• [WORK TO COMPLETE] Please copy the leading lines of the entries below exactly, concluding with the line in which "#197=IFCPRODUCTDEFINITIONSHAPE($,$,(#196));" occurs.

[Saved data entries]
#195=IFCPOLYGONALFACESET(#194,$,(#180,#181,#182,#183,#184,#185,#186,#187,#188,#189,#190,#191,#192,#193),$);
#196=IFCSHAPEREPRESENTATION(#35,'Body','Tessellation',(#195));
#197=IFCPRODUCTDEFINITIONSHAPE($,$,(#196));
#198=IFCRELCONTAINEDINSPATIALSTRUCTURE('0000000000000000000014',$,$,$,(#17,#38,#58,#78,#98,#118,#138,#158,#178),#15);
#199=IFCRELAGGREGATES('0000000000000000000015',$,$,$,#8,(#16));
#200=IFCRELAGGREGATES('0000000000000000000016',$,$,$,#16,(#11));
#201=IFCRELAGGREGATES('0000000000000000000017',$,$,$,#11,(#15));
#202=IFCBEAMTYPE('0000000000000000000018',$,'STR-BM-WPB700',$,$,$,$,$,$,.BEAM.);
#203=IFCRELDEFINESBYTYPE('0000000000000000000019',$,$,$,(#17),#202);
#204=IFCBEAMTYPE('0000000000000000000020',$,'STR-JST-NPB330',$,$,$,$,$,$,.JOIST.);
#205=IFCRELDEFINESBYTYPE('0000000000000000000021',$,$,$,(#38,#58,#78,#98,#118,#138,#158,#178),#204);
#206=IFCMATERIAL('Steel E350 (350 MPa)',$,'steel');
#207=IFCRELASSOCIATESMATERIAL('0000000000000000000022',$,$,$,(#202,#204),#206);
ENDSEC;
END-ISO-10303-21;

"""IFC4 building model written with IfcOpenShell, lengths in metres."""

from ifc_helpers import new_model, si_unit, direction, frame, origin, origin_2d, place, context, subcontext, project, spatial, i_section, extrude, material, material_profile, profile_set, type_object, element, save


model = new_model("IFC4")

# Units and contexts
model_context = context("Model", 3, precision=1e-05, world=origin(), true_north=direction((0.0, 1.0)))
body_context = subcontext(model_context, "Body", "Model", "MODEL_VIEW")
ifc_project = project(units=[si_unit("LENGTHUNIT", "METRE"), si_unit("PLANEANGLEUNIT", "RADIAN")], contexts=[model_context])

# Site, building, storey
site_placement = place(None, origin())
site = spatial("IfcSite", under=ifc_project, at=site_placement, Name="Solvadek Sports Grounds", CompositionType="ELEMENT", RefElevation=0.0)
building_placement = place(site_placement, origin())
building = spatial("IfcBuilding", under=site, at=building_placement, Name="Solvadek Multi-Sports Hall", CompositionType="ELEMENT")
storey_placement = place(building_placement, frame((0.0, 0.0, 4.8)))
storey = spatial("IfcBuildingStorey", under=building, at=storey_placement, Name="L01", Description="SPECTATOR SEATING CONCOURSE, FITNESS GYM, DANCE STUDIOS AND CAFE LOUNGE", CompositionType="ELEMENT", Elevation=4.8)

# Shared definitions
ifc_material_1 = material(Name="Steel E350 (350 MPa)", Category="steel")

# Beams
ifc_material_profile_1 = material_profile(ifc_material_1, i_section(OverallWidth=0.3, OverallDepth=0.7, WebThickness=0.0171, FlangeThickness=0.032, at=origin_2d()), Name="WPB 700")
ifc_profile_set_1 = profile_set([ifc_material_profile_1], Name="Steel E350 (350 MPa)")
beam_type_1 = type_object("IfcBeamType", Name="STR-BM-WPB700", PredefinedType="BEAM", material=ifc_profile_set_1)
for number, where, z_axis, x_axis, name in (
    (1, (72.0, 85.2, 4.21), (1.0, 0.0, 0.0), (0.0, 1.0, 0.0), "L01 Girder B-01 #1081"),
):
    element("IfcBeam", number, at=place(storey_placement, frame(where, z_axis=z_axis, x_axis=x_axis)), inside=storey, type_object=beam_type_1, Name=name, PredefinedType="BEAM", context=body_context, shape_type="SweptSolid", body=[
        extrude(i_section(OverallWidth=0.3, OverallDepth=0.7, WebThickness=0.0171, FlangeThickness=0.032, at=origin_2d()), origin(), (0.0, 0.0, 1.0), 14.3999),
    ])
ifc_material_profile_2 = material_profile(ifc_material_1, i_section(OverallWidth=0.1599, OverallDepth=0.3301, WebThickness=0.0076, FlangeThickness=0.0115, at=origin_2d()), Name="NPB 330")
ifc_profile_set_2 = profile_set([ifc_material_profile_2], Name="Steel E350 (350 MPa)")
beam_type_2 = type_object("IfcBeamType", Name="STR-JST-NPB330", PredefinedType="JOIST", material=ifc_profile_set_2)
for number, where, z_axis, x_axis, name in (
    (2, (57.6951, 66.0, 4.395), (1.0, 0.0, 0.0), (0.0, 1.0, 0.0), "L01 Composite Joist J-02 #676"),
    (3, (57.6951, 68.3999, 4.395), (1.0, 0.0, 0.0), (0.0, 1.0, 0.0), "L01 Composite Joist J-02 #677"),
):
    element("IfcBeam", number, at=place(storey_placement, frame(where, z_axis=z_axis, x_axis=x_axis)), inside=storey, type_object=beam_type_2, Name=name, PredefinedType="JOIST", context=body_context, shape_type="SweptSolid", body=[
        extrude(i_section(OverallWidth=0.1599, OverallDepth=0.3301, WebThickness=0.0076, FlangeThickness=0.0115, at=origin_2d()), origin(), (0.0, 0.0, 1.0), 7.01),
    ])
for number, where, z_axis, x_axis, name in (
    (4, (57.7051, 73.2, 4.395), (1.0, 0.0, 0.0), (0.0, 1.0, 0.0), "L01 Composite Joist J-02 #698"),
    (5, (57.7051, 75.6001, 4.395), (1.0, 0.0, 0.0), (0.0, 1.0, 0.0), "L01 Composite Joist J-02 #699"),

• [EXERCISE RESULT]
#195=IFCPOLYGONALFACESET(#194,$,(#180,#181,#182,#183,#184,#185,#186,#187,#188,#189,#190,#191,#192,#193),$);
#196=IFCSHAPEREPRESENTATION(#35,'Body','Tessellation',(#195));
#197=IFCPRODUCTDEFINITIONSHAPE($,$,(#196));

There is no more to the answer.